About this exercise: From the data below, report how many lines contain the word "IFCRELASSOCIATESMATERIAL", giving the number and nothing else.
-------- Listed records
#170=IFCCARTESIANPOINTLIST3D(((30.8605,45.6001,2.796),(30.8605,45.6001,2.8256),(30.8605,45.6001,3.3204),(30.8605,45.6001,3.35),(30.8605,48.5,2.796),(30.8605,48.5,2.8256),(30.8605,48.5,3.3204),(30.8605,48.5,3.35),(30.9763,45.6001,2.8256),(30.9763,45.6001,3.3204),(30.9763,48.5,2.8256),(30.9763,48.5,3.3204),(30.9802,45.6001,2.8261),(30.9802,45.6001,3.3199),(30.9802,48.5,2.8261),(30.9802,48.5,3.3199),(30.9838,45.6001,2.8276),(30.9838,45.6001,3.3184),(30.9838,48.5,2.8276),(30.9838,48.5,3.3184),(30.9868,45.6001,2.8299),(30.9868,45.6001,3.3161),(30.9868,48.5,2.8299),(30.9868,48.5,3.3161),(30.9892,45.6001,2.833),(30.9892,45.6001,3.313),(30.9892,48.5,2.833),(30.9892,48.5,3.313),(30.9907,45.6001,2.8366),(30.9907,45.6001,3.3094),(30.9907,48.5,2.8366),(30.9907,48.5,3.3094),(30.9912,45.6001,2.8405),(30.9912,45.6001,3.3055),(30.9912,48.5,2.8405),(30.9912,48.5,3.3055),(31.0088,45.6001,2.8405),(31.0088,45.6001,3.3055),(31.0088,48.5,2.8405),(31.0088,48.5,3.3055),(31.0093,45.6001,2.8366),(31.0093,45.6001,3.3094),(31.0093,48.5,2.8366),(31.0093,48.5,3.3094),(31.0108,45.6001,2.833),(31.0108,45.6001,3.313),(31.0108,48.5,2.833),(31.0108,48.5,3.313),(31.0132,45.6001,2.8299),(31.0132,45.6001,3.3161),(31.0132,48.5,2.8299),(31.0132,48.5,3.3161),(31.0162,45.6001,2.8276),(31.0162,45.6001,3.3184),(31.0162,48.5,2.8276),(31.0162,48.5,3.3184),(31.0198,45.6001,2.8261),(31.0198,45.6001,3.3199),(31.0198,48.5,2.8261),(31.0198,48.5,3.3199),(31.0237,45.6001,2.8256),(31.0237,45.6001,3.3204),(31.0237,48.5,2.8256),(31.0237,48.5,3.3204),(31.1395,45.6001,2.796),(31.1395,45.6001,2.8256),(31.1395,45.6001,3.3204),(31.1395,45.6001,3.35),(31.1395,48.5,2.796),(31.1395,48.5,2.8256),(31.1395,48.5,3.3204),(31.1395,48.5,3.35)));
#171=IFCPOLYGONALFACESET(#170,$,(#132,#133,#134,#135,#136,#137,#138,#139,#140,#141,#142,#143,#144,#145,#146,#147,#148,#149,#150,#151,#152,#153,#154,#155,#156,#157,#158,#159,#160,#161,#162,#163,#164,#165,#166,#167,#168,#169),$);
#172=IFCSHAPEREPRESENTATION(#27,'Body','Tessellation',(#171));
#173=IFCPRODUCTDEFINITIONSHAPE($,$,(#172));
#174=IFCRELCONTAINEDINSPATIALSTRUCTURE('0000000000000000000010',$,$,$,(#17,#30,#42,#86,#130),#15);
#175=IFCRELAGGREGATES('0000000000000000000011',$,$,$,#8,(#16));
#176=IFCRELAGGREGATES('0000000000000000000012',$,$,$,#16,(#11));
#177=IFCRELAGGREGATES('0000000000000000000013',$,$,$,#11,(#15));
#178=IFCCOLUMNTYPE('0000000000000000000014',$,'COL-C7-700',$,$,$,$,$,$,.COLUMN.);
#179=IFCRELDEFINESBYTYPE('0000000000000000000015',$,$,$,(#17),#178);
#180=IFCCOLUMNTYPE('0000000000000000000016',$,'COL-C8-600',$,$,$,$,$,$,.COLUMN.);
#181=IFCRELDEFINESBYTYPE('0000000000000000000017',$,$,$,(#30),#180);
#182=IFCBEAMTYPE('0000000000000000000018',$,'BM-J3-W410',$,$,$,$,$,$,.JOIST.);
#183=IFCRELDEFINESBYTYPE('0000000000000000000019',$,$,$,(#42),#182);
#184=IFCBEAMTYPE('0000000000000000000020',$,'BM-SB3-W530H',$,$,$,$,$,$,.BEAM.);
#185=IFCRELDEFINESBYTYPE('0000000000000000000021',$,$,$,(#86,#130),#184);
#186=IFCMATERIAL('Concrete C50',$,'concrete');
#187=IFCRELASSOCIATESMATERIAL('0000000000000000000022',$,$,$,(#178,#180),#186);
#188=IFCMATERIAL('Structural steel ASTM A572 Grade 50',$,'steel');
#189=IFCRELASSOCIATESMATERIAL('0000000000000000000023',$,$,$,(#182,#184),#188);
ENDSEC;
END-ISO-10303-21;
----------------
Reply: 2